----- Records for processing
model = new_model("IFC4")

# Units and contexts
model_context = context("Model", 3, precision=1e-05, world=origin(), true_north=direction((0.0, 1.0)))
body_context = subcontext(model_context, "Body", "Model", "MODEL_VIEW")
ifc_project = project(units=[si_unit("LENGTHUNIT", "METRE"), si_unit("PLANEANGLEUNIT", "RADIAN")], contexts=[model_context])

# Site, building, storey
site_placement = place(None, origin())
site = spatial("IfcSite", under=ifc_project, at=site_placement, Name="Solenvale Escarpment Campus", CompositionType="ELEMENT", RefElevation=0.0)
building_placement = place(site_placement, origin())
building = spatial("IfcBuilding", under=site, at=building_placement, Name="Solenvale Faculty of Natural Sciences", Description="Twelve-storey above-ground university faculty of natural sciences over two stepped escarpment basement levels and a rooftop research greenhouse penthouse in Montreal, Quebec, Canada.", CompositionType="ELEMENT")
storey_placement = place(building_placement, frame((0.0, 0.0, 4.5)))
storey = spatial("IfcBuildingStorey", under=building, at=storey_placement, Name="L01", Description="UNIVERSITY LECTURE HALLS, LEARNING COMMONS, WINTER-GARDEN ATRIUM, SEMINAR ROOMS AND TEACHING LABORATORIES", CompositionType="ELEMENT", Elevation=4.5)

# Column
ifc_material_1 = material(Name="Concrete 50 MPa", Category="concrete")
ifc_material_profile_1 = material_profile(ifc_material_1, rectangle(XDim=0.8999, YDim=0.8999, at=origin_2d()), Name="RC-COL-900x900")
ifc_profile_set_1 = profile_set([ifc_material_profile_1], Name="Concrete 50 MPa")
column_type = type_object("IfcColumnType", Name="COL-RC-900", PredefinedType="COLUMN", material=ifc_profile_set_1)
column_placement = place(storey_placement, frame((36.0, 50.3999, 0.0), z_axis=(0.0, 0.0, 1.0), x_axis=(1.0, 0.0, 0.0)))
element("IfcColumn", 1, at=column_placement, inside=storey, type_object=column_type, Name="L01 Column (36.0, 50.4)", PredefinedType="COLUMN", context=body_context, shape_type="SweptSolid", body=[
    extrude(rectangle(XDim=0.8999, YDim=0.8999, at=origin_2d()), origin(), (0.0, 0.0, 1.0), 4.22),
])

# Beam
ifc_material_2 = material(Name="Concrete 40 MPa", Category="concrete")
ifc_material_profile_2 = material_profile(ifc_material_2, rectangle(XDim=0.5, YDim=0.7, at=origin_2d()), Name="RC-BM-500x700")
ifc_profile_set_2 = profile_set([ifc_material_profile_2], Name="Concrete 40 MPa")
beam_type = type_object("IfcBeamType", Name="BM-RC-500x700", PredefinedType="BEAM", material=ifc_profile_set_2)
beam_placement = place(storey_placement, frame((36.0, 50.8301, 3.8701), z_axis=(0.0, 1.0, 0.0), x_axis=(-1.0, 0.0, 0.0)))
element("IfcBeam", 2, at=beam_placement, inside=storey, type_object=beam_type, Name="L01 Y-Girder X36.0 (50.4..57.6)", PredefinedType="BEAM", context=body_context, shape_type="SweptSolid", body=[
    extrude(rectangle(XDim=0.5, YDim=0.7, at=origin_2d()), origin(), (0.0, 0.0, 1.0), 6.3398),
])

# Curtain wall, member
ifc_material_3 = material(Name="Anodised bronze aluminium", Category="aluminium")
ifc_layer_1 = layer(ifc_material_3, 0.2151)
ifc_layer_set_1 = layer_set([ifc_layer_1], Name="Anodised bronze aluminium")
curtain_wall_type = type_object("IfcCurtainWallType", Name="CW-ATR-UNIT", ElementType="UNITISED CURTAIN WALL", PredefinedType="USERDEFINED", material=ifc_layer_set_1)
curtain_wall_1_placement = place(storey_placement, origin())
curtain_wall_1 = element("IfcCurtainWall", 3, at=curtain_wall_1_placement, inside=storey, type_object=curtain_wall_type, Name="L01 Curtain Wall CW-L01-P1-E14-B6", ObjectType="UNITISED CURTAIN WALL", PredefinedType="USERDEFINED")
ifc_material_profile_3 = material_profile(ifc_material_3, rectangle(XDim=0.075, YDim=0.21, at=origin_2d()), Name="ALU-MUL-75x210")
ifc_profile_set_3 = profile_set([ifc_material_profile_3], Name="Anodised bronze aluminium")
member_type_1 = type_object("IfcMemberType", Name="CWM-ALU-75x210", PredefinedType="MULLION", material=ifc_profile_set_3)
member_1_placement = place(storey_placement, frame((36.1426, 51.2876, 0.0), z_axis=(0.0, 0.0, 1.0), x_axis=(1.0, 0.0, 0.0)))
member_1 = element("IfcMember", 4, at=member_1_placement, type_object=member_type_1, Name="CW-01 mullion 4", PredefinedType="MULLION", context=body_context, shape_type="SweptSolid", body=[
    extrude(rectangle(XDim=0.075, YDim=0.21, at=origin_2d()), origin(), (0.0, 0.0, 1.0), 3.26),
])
----------
* **The problem**
Find the number of lines in the data above that contain "MULLION". Please give that number alone.

* **Your solution**
2